* _TO DO_
Gather each line of the entries below that includes "IFCBEAMTYPE".

Records from a data collection
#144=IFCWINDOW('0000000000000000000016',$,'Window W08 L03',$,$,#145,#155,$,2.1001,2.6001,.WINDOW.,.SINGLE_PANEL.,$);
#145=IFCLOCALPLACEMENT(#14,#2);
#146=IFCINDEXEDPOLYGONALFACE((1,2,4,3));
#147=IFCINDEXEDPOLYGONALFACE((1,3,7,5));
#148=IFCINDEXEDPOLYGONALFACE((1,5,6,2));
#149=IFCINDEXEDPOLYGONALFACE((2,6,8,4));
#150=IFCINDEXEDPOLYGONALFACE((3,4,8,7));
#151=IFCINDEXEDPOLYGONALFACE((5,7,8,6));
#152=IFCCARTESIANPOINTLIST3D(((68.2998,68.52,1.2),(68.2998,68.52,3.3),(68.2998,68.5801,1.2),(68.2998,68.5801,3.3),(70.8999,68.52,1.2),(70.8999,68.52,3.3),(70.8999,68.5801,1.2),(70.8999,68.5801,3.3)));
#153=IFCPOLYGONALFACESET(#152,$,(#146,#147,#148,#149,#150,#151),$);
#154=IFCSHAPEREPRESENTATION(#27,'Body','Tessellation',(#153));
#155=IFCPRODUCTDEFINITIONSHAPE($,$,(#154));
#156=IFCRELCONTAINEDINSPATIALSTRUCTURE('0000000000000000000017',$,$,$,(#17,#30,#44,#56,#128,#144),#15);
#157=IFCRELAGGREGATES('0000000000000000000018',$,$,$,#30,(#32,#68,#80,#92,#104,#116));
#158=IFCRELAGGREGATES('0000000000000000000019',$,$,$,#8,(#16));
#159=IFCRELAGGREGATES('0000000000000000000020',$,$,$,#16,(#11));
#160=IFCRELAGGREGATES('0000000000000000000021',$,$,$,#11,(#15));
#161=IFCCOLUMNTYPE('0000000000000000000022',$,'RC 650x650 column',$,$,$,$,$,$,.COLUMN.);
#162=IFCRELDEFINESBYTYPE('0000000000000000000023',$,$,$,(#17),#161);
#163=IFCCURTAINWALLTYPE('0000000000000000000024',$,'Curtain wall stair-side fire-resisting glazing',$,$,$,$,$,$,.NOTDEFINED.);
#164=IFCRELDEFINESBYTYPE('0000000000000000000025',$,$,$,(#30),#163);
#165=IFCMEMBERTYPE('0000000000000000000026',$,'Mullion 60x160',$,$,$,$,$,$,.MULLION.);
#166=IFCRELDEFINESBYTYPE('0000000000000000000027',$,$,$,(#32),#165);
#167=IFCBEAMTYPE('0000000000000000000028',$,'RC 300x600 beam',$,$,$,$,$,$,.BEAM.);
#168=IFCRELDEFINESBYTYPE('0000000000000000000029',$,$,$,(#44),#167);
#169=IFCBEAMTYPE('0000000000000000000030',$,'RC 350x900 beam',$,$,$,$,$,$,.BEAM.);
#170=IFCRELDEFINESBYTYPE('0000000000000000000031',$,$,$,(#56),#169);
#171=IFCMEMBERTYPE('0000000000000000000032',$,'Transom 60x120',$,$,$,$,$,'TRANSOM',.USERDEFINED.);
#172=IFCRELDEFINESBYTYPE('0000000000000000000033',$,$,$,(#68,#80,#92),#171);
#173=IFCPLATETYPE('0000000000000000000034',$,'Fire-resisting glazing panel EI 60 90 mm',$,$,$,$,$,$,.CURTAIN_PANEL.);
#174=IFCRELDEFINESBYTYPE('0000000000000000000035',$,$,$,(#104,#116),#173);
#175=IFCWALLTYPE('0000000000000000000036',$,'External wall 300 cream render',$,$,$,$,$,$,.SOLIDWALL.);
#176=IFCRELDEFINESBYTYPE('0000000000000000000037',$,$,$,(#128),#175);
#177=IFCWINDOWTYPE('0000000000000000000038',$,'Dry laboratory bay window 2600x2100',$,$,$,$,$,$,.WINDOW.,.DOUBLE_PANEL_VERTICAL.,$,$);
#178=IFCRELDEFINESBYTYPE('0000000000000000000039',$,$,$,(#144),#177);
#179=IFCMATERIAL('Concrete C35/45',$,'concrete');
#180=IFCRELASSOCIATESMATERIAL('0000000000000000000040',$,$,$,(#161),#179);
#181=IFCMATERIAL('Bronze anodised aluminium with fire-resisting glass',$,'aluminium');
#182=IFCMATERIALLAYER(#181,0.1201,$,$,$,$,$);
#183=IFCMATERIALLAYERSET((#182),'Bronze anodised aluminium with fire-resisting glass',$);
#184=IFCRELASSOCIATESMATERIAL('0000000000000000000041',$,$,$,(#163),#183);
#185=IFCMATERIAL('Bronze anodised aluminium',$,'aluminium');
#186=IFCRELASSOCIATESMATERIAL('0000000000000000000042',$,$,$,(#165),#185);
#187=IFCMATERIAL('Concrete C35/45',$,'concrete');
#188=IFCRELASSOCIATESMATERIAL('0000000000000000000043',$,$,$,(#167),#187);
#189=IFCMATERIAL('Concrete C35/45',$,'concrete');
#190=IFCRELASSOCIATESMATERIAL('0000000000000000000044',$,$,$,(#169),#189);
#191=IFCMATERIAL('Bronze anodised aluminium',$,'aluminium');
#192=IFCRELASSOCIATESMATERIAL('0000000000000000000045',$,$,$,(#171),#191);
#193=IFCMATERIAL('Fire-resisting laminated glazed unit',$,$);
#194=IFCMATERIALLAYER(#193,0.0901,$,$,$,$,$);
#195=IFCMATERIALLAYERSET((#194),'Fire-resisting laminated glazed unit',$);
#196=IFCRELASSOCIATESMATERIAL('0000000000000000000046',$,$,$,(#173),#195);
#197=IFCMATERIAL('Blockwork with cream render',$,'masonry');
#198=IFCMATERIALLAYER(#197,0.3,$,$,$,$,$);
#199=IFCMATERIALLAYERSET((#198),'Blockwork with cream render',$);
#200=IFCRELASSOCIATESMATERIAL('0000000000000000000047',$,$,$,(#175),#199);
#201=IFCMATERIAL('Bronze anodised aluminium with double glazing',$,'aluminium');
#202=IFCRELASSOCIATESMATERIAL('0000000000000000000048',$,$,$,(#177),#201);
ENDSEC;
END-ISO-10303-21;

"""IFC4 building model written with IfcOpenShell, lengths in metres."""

* _TASK ANSWER_
#167=IFCBEAMTYPE('0000000000000000000028',$,'RC 300x600 beam',$,$,$,$,$,$,.BEAM.);
#169=IFCBEAMTYPE('0000000000000000000030',$,'RC 350x900 beam',$,$,$,$,$,$,.BEAM.);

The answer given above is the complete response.